- **What the task asks**
The answer should be each line from the entries below that has the word "Cendaluz" in it.

─── Records for the exercise ───

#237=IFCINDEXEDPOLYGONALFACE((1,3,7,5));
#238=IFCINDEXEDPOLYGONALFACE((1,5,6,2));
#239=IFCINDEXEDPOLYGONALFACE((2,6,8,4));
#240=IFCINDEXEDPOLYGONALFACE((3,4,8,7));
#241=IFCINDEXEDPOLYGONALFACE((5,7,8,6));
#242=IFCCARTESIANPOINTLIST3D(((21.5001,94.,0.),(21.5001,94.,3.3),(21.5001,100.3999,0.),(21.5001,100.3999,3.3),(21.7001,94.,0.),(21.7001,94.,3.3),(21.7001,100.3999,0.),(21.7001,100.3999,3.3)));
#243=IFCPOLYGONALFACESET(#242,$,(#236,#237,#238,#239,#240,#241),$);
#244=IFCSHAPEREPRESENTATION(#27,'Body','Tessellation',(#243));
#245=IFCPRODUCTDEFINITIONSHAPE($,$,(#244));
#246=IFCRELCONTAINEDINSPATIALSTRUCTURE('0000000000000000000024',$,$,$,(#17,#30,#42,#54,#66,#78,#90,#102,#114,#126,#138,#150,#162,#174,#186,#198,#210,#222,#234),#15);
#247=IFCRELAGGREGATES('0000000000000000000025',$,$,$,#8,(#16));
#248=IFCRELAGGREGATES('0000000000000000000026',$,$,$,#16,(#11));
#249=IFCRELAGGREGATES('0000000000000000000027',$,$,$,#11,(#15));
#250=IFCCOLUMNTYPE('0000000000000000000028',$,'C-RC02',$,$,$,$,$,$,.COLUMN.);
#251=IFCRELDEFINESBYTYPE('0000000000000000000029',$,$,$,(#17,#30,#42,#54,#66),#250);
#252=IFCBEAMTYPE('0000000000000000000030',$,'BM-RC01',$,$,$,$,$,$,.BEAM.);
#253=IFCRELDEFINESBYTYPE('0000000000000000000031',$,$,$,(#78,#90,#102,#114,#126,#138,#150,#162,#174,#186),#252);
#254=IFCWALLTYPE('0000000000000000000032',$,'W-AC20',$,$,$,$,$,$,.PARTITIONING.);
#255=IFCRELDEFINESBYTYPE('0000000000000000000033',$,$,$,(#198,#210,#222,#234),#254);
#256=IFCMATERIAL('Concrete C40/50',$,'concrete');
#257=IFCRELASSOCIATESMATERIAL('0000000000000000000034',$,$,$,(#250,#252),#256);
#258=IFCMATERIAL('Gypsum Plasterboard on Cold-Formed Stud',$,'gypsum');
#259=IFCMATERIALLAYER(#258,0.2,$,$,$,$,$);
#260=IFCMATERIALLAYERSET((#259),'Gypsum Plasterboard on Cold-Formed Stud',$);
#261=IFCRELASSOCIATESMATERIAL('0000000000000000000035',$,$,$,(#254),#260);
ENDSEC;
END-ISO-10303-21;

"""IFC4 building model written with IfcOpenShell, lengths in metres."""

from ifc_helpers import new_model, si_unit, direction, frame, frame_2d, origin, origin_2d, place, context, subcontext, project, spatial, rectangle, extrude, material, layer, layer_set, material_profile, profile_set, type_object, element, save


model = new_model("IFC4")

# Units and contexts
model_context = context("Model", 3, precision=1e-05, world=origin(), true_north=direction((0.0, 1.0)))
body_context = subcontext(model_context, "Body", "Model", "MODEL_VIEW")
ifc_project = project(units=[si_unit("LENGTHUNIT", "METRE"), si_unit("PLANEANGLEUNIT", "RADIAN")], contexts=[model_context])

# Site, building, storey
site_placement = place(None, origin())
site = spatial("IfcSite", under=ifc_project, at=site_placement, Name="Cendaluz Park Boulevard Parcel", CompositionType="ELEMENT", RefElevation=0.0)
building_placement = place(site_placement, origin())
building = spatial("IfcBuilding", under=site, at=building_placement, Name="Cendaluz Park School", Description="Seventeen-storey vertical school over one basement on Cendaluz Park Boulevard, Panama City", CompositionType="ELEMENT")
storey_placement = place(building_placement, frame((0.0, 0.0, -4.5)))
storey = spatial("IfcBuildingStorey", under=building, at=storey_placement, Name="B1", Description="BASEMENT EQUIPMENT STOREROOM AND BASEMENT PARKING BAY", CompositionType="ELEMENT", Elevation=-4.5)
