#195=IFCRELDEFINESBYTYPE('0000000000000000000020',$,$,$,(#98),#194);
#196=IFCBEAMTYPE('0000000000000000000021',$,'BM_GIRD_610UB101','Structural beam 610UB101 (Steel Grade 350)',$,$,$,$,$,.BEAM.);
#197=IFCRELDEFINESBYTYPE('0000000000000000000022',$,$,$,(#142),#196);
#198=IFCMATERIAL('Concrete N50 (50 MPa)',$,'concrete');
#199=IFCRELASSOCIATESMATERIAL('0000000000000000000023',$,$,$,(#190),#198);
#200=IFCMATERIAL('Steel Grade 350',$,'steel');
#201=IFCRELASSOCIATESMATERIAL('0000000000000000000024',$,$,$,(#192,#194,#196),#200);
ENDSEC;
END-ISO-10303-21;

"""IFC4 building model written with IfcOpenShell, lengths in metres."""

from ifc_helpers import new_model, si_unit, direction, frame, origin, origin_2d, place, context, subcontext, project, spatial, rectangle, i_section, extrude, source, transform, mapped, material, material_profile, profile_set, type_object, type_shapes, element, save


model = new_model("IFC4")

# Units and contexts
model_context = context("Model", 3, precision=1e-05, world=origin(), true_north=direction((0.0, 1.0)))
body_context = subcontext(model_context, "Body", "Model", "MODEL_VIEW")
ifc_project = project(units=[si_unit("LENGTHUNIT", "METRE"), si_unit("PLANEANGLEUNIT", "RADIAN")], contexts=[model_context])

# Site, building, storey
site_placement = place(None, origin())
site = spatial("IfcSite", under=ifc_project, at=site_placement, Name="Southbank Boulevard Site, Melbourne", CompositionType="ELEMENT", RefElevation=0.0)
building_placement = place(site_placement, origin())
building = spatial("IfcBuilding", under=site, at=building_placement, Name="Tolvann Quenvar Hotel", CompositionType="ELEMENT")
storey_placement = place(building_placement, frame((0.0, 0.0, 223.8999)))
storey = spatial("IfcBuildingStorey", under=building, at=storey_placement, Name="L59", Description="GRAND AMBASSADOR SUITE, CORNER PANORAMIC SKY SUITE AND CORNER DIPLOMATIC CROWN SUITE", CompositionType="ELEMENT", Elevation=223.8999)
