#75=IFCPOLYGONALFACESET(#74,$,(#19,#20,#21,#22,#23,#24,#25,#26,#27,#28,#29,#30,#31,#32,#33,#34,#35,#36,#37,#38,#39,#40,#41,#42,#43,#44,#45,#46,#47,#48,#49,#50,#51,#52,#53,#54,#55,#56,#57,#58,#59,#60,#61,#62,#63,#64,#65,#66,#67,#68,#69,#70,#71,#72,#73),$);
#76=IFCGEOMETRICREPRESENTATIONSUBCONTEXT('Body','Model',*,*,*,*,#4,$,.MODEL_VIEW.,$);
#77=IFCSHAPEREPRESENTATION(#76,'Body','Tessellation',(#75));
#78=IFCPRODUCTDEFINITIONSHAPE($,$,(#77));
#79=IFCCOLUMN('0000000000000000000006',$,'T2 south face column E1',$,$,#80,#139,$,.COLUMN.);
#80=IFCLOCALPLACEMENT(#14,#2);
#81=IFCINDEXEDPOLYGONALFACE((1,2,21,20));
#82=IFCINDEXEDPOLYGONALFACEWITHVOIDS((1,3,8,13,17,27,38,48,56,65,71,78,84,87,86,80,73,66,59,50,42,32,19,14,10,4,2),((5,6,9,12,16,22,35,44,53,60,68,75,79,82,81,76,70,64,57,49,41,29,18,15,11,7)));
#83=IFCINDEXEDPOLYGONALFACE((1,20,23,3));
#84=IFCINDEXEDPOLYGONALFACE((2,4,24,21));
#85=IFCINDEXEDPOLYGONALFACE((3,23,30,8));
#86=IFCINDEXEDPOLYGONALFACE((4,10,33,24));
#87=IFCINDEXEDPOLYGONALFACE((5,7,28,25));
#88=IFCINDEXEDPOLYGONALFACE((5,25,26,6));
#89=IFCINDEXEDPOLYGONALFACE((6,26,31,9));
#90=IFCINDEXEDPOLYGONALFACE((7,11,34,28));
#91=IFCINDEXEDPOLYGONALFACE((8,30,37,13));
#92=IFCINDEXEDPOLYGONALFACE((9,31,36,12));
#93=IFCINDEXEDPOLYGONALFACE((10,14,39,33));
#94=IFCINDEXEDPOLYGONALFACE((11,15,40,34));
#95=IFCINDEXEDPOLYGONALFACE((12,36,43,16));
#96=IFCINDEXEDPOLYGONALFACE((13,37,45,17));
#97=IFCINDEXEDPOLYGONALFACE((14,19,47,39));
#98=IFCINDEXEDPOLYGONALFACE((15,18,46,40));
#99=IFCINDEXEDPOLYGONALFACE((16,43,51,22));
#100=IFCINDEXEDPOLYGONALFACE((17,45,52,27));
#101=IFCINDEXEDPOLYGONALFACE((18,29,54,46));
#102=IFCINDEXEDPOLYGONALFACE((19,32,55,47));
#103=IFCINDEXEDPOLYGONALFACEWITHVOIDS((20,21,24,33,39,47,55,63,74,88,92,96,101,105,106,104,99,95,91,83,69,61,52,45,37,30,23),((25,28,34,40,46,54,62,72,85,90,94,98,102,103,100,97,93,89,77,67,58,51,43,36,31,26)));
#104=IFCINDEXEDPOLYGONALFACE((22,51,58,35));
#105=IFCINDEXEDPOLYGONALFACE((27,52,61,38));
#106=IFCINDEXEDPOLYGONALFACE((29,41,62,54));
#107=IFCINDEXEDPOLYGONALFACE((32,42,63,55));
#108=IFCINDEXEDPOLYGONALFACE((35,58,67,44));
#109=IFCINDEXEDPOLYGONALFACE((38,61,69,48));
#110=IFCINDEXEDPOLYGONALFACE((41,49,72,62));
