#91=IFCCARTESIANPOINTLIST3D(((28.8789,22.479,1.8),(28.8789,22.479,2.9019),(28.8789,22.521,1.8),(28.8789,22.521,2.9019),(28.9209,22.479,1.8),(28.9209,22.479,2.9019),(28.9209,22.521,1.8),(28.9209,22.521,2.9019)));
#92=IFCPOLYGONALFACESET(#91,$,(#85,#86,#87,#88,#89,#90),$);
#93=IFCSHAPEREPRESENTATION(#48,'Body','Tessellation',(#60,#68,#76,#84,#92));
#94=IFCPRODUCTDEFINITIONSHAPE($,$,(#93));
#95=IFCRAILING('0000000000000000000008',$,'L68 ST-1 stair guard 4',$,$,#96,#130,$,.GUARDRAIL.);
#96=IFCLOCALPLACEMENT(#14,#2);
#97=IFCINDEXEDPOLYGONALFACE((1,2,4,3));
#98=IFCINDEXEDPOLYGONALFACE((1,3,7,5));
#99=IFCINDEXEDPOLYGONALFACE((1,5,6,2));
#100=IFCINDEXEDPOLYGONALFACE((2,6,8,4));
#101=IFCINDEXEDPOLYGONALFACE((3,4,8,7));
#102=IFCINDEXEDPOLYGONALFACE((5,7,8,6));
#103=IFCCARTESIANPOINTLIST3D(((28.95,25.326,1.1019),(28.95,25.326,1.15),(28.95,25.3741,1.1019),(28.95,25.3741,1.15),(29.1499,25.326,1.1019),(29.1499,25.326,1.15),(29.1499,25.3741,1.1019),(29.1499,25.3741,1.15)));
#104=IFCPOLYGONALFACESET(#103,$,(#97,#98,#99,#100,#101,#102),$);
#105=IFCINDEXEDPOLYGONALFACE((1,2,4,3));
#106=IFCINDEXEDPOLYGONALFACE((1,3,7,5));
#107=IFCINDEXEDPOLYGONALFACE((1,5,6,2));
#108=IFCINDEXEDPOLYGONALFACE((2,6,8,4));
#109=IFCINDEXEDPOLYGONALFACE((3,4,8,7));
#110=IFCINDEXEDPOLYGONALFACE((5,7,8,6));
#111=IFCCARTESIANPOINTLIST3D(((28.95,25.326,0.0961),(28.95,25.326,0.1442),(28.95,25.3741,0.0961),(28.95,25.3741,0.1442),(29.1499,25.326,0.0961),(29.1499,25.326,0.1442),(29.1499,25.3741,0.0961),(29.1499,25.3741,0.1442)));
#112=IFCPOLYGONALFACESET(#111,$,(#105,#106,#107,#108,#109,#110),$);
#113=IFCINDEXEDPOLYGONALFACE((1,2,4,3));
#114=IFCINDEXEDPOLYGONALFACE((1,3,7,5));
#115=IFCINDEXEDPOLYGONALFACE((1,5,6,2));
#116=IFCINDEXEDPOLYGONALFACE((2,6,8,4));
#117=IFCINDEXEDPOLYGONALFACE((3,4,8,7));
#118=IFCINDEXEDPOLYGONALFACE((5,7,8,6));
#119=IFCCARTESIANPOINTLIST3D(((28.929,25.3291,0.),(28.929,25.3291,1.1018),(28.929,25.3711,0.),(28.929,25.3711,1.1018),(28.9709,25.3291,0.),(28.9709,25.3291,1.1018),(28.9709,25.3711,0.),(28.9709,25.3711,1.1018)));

───

- **Response below**
site = spatial("IfcSite", under=ifc_project, at=site_placement, Name="Cendaluz Park Boulevard Parcel", CompositionType="ELEMENT", RefElevation=0.0)
building = spatial("IfcBuilding", under=site, at=building_placement, Name="Cendaluz Park School", Description="Seventeen-storey vertical school over one basement on Cendaluz Park Boulevard, Panama City", CompositionType="ELEMENT")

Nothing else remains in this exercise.